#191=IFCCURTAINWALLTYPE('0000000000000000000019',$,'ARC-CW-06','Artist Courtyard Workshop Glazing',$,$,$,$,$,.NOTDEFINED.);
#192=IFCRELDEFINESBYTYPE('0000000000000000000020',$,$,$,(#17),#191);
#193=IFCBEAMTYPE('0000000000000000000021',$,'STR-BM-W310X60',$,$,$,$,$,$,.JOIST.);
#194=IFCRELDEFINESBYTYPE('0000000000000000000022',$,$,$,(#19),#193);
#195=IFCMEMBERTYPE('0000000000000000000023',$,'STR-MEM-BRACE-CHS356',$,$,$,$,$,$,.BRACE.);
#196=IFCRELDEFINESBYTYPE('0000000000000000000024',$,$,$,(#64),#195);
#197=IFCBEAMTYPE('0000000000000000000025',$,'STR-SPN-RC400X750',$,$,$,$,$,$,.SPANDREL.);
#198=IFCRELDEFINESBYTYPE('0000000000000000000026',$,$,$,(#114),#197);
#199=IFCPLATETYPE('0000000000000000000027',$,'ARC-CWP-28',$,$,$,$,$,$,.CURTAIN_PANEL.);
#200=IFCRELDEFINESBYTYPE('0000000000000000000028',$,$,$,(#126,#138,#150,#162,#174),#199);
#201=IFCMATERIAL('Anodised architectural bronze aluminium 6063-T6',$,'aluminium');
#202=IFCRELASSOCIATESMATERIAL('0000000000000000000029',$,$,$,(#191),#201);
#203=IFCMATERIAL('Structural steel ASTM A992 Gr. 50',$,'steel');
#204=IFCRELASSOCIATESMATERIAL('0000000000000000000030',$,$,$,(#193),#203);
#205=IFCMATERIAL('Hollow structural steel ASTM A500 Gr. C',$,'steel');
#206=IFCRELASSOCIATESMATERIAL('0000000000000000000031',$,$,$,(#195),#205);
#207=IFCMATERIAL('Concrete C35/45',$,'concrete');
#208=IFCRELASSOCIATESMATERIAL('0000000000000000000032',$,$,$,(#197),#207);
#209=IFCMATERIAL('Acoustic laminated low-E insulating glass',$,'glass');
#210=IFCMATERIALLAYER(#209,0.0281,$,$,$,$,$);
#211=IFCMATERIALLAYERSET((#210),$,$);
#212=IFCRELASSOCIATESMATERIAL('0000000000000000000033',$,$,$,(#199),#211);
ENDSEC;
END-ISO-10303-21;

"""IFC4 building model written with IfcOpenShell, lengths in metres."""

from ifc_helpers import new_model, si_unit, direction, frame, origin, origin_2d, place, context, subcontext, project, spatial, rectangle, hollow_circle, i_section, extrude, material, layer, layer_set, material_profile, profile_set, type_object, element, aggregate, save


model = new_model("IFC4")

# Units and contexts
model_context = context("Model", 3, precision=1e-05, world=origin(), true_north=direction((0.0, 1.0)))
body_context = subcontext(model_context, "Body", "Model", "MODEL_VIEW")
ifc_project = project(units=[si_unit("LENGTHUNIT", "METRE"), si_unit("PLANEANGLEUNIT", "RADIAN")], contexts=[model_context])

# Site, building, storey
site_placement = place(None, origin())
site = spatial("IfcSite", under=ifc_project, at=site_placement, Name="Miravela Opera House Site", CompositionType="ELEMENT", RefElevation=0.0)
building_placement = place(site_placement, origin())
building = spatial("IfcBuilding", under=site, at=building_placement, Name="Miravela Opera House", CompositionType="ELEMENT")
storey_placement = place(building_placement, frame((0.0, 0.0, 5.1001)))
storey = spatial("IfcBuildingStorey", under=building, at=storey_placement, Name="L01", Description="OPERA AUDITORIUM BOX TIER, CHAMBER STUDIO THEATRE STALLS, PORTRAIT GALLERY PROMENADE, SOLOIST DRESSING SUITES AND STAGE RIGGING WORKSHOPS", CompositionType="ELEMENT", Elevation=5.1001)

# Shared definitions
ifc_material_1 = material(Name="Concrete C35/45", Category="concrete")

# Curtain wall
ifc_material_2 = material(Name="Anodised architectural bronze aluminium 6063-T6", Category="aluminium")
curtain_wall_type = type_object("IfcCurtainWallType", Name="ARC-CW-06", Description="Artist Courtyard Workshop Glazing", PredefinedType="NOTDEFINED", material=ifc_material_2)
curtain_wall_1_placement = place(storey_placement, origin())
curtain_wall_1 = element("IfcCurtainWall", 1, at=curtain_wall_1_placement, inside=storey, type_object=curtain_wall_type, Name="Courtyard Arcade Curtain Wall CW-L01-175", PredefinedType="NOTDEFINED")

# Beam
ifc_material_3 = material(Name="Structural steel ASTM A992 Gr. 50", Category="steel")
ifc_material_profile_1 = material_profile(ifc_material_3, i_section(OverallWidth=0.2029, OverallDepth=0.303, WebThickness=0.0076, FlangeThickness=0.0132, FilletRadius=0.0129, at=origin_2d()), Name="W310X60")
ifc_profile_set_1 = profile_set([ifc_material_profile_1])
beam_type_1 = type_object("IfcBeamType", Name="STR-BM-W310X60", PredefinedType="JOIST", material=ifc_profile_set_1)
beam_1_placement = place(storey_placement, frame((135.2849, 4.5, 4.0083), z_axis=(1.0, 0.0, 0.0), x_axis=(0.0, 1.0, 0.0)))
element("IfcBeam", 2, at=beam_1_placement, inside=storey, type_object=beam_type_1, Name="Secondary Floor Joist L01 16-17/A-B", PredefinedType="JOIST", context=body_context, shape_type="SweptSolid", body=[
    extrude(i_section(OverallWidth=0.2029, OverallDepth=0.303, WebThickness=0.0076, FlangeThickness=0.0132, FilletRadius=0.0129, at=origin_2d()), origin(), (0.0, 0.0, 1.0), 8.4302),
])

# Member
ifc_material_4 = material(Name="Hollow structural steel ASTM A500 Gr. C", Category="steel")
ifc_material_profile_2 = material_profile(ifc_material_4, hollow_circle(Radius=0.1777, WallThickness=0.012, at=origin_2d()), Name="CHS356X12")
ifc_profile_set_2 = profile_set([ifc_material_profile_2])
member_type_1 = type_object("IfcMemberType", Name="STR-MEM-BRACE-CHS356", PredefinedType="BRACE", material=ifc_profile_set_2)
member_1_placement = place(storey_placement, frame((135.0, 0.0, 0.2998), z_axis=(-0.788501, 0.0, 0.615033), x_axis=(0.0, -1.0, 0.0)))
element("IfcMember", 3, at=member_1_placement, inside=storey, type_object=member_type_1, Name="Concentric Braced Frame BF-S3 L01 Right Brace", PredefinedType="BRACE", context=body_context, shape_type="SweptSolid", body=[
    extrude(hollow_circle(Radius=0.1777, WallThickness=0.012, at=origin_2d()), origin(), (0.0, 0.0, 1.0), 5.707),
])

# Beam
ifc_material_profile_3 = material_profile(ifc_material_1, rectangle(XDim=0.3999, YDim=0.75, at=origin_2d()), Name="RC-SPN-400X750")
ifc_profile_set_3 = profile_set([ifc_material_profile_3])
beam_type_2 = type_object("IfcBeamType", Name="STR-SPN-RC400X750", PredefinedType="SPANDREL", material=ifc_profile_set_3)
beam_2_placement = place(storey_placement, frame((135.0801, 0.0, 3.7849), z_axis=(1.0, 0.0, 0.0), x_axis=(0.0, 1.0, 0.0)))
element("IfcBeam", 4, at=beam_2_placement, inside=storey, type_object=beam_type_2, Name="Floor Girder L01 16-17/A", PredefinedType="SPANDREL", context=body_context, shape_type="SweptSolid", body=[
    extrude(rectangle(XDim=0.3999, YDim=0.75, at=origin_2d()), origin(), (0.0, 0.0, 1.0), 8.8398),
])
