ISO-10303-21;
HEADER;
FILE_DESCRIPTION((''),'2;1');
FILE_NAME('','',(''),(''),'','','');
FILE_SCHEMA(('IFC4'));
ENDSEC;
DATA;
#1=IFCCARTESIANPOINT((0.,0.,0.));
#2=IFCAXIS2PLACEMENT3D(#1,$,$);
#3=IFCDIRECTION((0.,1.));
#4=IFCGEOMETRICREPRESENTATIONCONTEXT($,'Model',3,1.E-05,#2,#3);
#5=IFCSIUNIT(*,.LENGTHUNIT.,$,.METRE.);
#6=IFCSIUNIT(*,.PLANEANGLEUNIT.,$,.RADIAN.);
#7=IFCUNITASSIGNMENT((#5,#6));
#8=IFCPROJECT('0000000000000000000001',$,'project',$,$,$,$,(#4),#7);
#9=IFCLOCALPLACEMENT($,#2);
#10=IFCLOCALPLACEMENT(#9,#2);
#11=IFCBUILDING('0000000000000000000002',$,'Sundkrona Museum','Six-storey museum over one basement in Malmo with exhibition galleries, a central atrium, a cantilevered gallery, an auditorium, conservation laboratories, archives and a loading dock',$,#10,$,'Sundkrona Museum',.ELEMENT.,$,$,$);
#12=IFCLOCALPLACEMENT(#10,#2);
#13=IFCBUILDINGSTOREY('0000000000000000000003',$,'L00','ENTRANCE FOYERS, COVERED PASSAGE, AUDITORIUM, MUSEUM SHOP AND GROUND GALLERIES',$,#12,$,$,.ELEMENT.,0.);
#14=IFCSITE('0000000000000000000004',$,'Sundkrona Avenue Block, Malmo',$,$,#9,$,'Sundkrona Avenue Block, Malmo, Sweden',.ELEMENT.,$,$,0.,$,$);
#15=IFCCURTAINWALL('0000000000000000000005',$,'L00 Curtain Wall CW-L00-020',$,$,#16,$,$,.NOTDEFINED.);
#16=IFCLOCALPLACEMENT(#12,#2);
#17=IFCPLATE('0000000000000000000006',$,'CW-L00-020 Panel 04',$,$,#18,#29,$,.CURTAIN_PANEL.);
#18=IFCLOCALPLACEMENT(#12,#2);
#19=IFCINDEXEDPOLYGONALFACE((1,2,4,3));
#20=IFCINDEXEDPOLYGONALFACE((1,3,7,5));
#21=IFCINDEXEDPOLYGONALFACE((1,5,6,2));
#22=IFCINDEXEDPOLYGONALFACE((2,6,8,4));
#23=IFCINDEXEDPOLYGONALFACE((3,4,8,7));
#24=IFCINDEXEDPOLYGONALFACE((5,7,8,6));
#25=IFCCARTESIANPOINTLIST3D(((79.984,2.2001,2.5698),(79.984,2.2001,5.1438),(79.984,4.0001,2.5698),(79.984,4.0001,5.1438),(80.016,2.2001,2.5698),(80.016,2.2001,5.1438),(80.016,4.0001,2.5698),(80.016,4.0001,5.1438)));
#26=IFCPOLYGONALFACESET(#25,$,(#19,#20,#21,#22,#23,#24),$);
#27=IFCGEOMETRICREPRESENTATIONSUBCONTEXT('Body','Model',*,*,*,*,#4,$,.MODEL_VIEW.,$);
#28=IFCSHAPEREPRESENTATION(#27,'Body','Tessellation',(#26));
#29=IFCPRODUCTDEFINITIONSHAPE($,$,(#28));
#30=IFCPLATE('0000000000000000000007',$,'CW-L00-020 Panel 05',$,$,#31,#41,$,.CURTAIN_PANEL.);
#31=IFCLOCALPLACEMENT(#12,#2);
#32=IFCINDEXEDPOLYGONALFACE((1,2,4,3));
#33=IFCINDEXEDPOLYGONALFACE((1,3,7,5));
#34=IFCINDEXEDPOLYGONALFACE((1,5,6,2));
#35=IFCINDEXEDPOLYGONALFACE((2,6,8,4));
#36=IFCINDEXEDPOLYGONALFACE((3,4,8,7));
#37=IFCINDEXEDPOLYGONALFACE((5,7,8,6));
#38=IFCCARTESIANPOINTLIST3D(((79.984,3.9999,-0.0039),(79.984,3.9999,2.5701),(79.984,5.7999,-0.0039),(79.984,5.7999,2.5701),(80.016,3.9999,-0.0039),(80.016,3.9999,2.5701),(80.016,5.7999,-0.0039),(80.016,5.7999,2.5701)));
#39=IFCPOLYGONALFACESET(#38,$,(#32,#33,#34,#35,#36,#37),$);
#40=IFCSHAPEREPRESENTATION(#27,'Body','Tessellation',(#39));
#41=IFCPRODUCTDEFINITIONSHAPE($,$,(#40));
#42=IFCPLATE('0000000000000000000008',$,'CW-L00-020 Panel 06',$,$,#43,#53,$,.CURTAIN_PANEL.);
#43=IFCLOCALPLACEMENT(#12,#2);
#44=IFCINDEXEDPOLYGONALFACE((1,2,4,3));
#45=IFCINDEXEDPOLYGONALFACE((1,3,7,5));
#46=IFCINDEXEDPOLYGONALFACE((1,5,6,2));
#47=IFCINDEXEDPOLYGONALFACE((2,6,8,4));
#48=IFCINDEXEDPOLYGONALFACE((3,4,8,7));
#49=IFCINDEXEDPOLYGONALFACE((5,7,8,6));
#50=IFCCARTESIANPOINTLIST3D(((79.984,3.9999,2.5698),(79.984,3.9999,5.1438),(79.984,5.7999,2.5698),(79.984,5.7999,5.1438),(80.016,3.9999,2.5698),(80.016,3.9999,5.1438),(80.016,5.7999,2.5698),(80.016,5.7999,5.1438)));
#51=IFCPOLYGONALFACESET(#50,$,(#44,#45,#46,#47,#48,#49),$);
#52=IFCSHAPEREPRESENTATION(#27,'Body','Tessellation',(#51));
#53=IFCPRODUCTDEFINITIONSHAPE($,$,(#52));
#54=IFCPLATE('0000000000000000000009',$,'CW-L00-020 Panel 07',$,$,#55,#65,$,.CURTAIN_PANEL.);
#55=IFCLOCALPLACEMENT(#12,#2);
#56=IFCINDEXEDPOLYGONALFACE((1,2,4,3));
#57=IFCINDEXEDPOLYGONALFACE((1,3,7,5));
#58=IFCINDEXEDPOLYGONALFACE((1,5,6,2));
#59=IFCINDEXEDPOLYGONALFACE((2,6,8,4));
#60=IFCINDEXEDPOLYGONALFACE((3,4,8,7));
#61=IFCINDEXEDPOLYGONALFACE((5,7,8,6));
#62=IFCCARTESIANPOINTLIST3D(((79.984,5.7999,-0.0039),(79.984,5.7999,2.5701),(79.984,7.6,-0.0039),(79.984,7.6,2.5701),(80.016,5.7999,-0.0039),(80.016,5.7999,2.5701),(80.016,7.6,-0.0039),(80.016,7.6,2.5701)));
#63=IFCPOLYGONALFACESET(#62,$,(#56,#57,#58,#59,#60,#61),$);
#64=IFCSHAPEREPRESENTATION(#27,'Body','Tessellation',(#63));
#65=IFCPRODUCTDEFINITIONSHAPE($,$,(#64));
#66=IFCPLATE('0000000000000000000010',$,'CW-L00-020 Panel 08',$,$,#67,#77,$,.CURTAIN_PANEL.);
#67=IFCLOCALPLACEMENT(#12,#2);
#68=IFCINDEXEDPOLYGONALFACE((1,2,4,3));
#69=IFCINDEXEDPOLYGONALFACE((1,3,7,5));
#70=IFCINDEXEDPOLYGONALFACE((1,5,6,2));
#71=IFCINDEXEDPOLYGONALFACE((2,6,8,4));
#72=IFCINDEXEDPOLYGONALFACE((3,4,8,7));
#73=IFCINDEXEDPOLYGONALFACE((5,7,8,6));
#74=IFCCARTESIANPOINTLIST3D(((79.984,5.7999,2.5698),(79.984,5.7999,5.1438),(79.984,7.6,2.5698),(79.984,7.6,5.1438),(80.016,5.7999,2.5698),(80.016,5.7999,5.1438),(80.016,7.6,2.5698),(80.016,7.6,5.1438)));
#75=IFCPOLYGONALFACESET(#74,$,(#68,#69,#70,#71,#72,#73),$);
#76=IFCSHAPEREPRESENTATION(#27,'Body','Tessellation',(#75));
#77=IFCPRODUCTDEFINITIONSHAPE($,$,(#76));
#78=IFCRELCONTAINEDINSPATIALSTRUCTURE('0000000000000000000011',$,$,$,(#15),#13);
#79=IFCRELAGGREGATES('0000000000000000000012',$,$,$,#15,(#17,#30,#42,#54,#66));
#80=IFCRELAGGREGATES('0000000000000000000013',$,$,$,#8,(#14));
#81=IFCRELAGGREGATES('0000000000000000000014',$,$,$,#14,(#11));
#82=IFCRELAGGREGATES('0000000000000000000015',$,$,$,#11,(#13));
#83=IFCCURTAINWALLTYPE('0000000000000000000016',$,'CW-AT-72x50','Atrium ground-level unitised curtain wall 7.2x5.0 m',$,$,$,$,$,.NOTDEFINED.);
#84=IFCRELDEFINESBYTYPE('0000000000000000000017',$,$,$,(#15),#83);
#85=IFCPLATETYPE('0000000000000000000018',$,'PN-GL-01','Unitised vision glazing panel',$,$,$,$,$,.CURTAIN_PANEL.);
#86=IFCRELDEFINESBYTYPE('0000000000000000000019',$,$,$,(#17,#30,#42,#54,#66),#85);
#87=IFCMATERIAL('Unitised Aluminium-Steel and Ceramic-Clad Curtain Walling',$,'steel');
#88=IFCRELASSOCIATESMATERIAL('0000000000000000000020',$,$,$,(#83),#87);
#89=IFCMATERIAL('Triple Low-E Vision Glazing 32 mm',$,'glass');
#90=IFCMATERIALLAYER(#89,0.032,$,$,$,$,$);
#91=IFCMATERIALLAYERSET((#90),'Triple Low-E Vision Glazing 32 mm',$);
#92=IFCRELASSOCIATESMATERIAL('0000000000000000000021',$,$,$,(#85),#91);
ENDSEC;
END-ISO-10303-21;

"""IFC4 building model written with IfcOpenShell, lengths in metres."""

from ifc_helpers import new_model, si_unit, direction, frame, origin, origin_2d, place, context, subcontext, project, spatial, rectangle, extrude, material, layer, layer_set, type_object, element, aggregate, save


model = new_model("IFC4")

# Units and contexts
model_context = context("Model", 3, precision=1e-05, world=origin(), true_north=direction((0.0, 1.0)))
body_context = subcontext(model_context, "Body", "Model", "MODEL_VIEW")
ifc_project = project(units=[si_unit("LENGTHUNIT", "METRE"), si_unit("PLANEANGLEUNIT", "RADIAN")], contexts=[model_context])

# Site, building, storey
site_placement = place(None, origin())
site = spatial("IfcSite", under=ifc_project, at=site_placement, Name="Sundkrona Avenue Block, Malmo", LongName="Sundkrona Avenue Block, Malmo, Sweden", CompositionType="ELEMENT", RefElevation=0.0)
building_placement = place(site_placement, origin())
building = spatial("IfcBuilding", under=site, at=building_placement, Name="Sundkrona Museum", Description="Six-storey museum over one basement in Malmo with exhibition galleries, a central atrium, a cantilevered gallery, an auditorium, conservation laboratories, archives and a loading dock", LongName="Sundkrona Museum", CompositionType="ELEMENT")
storey_placement = place(building_placement, origin())
storey = spatial("IfcBuildingStorey", under=building, at=storey_placement, Name="L00", Description="ENTRANCE FOYERS, COVERED PASSAGE, AUDITORIUM, MUSEUM SHOP AND GROUND GALLERIES", CompositionType="ELEMENT", Elevation=0.0)

# Curtain wall
ifc_material_1 = material(Name="Unitised Aluminium-Steel and Ceramic-Clad Curtain Walling", Category="steel")
curtain_wall_type = type_object("IfcCurtainWallType", Name="CW-AT-72x50", Description="Atrium ground-level unitised curtain wall 7.2x5.0 m", PredefinedType="NOTDEFINED", material=ifc_material_1)
curtain_wall_1_placement = place(storey_placement, origin())
curtain_wall_1 = element("IfcCurtainWall", 1, at=curtain_wall_1_placement, inside=storey, type_object=curtain_wall_type, Name="L00 Curtain Wall CW-L00-020", PredefinedType="NOTDEFINED")

# Plates
ifc_material_2 = material(Name="Triple Low-E Vision Glazing 32 mm", Category="glass")
ifc_layer_1 = layer(ifc_material_2, 0.032)
ifc_layer_set_1 = layer_set([ifc_layer_1], Name="Triple Low-E Vision Glazing 32 mm")
plate_type_1 = type_object("IfcPlateType", Name="PN-GL-01", Description="Unitised vision glazing panel", PredefinedType="CURTAIN_PANEL", material=ifc_layer_set_1)
plate_1_placement = place(storey_placement, frame((80.0, 3.1001, 2.5698), z_axis=(0.0, 0.0, 1.0), x_axis=(0.0, 1.0, 0.0)))
plate_1 = element("IfcPlate", 2, at=plate_1_placement, type_object=plate_type_1, Name="CW-L00-020 Panel 04", PredefinedType="CURTAIN_PANEL", context=body_context, shape_type="SweptSolid", body=[
    extrude(rectangle(XDim=1.8, YDim=0.032, at=origin_2d()), origin(), (0.0, 0.0, 1.0), 2.574),
])
plate_2_placement = place(storey_placement, frame((80.0, 4.8999, -0.0039), z_axis=(0.0, 0.0, 1.0), x_axis=(0.0, 1.0, 0.0)))
plate_2 = element("IfcPlate", 3, at=plate_2_placement, type_object=plate_type_1, Name="CW-L00-020 Panel 05", PredefinedType="CURTAIN_PANEL", context=body_context, shape_type="SweptSolid", body=[
    extrude(rectangle(XDim=1.8, YDim=0.032, at=origin_2d()), origin(), (0.0, 0.0, 1.0), 2.574),
])
plate_3_placement = place(storey_placement, frame((80.0, 4.8999, 2.5698), z_axis=(0.0, 0.0, 1.0), x_axis=(0.0, 1.0, 0.0)))
plate_3 = element("IfcPlate", 4, at=plate_3_placement, type_object=plate_type_1, Name="CW-L00-020 Panel 06", PredefinedType="CURTAIN_PANEL", context=body_context, shape_type="SweptSolid", body=[
    extrude(rectangle(XDim=1.8, YDim=0.032, at=origin_2d()), origin(), (0.0, 0.0, 1.0), 2.574),
])
plate_4_placement = place(storey_placement, frame((80.0, 6.7, -0.0039), z_axis=(0.0, 0.0, 1.0), x_axis=(0.0, 1.0, 0.0)))
plate_4 = element("IfcPlate", 5, at=plate_4_placement, type_object=plate_type_1, Name="CW-L00-020 Panel 07", PredefinedType="CURTAIN_PANEL", context=body_context, shape_type="SweptSolid", body=[
    extrude(rectangle(XDim=1.8, YDim=0.032, at=origin_2d()), origin(), (0.0, 0.0, 1.0), 2.574),
])
plate_5_placement = place(storey_placement, frame((80.0, 6.7, 2.5698), z_axis=(0.0, 0.0, 1.0), x_axis=(0.0, 1.0, 0.0)))
plate_5 = element("IfcPlate", 6, at=plate_5_placement, type_object=plate_type_1, Name="CW-L00-020 Panel 08", PredefinedType="CURTAIN_PANEL", context=body_context, shape_type="SweptSolid", body=[
    extrude(rectangle(XDim=1.8, YDim=0.032, at=origin_2d()), origin(), (0.0, 0.0, 1.0), 2.574),
])
aggregate(curtain_wall_1, [plate_1, plate_2, plate_3, plate_4, plate_5])

save(model, "model.ifc")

====================

## Directions
What are the lines above, starting at the one with "#20=IFCINDEXEDPOLYGONALFACE((1,3,7,5));" and ending at the one with "#26=IFCPOLYGONALFACESET(#25,$,(#19,#20,#21,#22,#23,#24),$);"? Give them again exactly, and only them.

## Completed task
#20=IFCINDEXEDPOLYGONALFACE((1,3,7,5));
#21=IFCINDEXEDPOLYGONALFACE((1,5,6,2));
#22=IFCINDEXEDPOLYGONALFACE((2,6,8,4));
#23=IFCINDEXEDPOLYGONALFACE((3,4,8,7));
#24=IFCINDEXEDPOLYGONALFACE((5,7,8,6));
#25=IFCCARTESIANPOINTLIST3D(((79.984,2.2001,2.5698),(79.984,2.2001,5.1438),(79.984,4.0001,2.5698),(79.984,4.0001,5.1438),(80.016,2.2001,2.5698),(80.016,2.2001,5.1438),(80.016,4.0001,2.5698),(80.016,4.0001,5.1438)));
#26=IFCPOLYGONALFACESET(#25,$,(#19,#20,#21,#22,#23,#24),$);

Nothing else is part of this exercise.